— About this exercise —
Return the data below exactly, but only from the line containing "#152=IFCINDEXEDPOLYGONALFACE((15,16,20,19));" through the line containing "#164=IFCINDEXEDPOLYGONALFACE((39,40,42,41));", with both of those lines included.

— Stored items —
═══
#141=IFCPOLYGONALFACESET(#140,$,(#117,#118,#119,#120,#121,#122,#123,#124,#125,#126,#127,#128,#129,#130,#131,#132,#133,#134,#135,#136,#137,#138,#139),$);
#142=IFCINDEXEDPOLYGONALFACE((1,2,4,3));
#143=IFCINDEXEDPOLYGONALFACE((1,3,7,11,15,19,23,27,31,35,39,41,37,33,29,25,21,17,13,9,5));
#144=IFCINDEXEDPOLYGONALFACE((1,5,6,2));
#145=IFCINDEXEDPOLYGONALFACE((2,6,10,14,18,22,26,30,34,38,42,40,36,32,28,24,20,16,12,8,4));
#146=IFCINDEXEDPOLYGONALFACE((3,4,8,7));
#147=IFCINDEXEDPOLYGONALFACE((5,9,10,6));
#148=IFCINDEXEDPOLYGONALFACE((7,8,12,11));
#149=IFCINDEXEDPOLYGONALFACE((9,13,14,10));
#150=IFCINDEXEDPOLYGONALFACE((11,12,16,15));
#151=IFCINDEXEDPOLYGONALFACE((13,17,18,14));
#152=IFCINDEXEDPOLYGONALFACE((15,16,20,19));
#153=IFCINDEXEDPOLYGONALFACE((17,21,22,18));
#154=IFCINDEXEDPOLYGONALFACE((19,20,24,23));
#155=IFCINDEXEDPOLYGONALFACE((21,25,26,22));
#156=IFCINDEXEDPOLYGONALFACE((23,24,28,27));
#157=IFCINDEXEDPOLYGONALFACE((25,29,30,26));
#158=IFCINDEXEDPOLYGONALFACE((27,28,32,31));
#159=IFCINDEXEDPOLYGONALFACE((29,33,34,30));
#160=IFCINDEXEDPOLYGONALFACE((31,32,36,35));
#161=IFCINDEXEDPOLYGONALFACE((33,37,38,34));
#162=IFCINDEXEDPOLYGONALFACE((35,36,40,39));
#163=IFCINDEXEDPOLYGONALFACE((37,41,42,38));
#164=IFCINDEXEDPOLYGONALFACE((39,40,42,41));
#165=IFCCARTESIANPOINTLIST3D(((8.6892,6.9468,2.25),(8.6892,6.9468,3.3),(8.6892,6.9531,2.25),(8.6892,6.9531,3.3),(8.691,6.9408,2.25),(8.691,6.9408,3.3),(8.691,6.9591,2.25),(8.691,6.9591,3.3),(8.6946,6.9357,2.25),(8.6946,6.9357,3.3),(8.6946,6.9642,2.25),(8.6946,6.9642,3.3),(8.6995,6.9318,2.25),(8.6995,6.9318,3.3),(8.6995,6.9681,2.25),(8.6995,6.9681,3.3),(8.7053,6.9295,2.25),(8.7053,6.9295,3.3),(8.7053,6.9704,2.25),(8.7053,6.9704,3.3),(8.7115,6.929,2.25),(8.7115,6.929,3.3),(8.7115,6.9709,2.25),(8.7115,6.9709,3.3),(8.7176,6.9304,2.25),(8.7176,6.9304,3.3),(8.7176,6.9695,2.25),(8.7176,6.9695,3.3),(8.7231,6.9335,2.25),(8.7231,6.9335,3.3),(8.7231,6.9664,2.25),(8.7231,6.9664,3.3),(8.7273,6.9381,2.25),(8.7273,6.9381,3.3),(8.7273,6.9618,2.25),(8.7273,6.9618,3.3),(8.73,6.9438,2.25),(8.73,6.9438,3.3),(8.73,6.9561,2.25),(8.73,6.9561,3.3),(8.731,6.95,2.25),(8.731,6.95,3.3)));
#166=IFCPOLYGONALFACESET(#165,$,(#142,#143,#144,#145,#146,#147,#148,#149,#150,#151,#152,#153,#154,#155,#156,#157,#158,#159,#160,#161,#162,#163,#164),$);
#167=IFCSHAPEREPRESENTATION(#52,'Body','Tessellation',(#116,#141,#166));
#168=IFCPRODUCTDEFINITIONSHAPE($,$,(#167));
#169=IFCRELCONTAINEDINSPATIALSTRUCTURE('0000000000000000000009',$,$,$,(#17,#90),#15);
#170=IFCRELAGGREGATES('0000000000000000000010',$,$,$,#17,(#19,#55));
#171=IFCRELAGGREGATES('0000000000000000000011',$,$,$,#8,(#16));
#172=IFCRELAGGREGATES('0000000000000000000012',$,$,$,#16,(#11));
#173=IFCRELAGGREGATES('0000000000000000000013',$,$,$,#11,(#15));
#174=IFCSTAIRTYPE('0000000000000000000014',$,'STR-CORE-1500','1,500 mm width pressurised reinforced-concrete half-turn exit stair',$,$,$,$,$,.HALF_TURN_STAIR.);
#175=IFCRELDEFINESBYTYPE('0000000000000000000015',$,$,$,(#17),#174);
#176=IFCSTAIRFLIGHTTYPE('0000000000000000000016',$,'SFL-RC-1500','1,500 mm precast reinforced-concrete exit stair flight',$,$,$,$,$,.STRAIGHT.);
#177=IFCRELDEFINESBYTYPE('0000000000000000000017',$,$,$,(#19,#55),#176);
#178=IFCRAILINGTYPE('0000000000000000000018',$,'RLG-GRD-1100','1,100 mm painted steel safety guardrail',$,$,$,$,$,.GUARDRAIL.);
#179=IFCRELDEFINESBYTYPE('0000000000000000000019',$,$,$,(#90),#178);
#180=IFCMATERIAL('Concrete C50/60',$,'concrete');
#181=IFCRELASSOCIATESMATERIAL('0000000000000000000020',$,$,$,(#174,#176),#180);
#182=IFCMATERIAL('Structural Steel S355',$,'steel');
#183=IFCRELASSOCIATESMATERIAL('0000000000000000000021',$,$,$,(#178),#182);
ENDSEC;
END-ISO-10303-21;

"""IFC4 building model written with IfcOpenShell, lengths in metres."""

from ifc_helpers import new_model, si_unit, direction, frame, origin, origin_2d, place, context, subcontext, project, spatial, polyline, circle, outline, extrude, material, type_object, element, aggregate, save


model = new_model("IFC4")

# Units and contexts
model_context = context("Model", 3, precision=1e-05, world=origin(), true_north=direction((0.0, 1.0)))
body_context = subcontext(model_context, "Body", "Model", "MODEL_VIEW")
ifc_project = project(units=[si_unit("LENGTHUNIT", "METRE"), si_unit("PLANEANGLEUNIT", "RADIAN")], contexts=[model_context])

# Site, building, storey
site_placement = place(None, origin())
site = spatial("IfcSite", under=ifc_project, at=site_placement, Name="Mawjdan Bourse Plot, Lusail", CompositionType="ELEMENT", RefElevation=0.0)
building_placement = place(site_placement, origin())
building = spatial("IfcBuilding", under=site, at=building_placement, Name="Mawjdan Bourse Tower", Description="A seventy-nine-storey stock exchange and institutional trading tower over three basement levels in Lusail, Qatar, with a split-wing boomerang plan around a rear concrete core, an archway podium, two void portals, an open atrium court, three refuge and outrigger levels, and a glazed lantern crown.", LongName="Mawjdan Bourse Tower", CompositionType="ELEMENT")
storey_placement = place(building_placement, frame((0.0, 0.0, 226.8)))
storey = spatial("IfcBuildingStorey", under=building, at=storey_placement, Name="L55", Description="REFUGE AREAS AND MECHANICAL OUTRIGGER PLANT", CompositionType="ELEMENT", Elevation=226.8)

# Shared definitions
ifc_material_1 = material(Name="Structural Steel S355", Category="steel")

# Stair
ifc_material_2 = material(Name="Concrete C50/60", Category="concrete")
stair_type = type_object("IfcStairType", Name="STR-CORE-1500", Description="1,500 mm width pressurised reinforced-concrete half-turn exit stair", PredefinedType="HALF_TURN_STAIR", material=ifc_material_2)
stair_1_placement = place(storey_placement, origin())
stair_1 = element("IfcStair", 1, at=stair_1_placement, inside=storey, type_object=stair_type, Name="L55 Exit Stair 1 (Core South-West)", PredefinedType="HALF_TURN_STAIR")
═══
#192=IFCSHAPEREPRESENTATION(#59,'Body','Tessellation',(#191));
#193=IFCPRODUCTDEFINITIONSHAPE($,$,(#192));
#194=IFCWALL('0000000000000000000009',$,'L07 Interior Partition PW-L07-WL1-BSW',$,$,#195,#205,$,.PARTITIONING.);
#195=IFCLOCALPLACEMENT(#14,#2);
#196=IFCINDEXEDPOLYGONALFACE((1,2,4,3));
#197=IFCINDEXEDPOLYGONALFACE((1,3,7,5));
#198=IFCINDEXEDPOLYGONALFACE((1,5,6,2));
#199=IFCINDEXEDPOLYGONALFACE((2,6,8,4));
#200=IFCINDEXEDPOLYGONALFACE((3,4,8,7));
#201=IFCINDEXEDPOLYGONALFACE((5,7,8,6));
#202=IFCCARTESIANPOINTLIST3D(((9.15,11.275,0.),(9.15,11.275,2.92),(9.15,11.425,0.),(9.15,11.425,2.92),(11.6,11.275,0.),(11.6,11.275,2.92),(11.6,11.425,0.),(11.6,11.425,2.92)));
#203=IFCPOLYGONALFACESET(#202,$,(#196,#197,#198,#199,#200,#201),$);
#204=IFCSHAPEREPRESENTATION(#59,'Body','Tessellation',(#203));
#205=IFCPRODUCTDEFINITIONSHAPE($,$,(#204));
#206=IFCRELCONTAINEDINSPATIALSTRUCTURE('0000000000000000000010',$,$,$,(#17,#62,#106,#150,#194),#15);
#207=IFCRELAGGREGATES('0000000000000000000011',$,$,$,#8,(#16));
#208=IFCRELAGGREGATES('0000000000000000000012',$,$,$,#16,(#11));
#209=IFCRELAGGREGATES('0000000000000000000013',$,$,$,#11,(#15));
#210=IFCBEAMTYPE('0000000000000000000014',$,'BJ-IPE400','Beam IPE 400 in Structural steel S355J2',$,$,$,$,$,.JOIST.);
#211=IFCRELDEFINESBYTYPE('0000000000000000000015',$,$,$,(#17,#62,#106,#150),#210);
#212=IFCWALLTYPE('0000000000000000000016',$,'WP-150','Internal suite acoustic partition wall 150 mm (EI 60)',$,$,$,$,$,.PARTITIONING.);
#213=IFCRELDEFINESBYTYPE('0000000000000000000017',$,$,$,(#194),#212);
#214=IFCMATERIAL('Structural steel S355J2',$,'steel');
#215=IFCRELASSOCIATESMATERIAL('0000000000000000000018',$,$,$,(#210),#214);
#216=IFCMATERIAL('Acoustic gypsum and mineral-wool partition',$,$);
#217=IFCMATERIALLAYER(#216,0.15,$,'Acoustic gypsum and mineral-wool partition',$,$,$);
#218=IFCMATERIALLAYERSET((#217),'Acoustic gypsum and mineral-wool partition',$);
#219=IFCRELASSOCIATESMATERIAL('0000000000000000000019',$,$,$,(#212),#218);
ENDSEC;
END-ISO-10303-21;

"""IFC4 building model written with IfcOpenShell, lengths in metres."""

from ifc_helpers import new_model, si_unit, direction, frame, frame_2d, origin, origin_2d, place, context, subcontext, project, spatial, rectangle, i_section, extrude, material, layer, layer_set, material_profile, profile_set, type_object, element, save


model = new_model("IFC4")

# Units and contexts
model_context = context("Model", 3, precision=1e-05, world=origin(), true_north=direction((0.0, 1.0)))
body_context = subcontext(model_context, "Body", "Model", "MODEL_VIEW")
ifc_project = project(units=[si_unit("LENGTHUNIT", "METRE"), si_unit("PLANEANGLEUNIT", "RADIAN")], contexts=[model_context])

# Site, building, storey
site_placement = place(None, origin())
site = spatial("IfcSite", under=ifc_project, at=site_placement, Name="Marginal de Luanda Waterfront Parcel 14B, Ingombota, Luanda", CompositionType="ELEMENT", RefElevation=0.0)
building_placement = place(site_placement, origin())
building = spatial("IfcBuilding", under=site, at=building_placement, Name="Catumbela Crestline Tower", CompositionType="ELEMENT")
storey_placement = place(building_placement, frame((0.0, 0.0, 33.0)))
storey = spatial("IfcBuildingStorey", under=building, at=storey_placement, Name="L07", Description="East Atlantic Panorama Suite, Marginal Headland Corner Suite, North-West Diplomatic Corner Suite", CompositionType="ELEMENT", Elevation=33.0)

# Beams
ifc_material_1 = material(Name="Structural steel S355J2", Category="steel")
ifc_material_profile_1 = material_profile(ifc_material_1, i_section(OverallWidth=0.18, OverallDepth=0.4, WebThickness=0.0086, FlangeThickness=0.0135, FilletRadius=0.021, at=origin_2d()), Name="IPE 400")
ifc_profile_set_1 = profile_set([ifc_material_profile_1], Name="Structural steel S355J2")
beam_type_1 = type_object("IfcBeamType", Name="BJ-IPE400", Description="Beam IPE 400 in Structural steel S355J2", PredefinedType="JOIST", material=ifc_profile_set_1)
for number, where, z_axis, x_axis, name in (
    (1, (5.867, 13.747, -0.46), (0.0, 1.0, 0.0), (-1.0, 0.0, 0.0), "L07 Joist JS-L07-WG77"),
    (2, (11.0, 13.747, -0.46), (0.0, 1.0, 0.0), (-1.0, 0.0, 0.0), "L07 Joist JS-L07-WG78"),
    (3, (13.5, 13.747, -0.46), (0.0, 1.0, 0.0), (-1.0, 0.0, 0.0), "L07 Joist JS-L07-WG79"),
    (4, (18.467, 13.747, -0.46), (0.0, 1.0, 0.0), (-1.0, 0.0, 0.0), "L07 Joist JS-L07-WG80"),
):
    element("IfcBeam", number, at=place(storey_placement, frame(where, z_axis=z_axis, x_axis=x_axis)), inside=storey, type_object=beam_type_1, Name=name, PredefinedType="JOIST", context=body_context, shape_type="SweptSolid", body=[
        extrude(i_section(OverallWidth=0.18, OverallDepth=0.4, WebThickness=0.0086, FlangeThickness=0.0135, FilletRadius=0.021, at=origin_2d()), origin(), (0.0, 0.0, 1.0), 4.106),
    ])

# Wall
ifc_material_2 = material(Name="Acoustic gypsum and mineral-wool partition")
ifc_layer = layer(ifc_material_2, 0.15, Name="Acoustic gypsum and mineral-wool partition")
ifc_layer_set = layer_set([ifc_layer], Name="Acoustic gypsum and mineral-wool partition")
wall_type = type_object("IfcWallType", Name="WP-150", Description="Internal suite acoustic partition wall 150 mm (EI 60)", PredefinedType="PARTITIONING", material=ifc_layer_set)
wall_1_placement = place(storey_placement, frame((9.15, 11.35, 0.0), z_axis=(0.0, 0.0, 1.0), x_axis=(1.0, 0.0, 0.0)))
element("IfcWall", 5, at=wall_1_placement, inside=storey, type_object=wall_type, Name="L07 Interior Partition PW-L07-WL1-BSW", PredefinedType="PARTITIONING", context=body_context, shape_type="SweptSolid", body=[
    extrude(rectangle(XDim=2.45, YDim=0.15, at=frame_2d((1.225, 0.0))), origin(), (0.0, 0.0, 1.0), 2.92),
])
═══
— Result of this exercise —
#152=IFCINDEXEDPOLYGONALFACE((15,16,20,19));
#153=IFCINDEXEDPOLYGONALFACE((17,21,22,18));
#154=IFCINDEXEDPOLYGONALFACE((19,20,24,23));
#155=IFCINDEXEDPOLYGONALFACE((21,25,26,22));
#156=IFCINDEXEDPOLYGONALFACE((23,24,28,27));
#157=IFCINDEXEDPOLYGONALFACE((25,29,30,26));
#158=IFCINDEXEDPOLYGONALFACE((27,28,32,31));
#159=IFCINDEXEDPOLYGONALFACE((29,33,34,30));
#160=IFCINDEXEDPOLYGONALFACE((31,32,36,35));
#161=IFCINDEXEDPOLYGONALFACE((33,37,38,34));
#162=IFCINDEXEDPOLYGONALFACE((35,36,40,39));
#163=IFCINDEXEDPOLYGONALFACE((37,41,42,38));
#164=IFCINDEXEDPOLYGONALFACE((39,40,42,41));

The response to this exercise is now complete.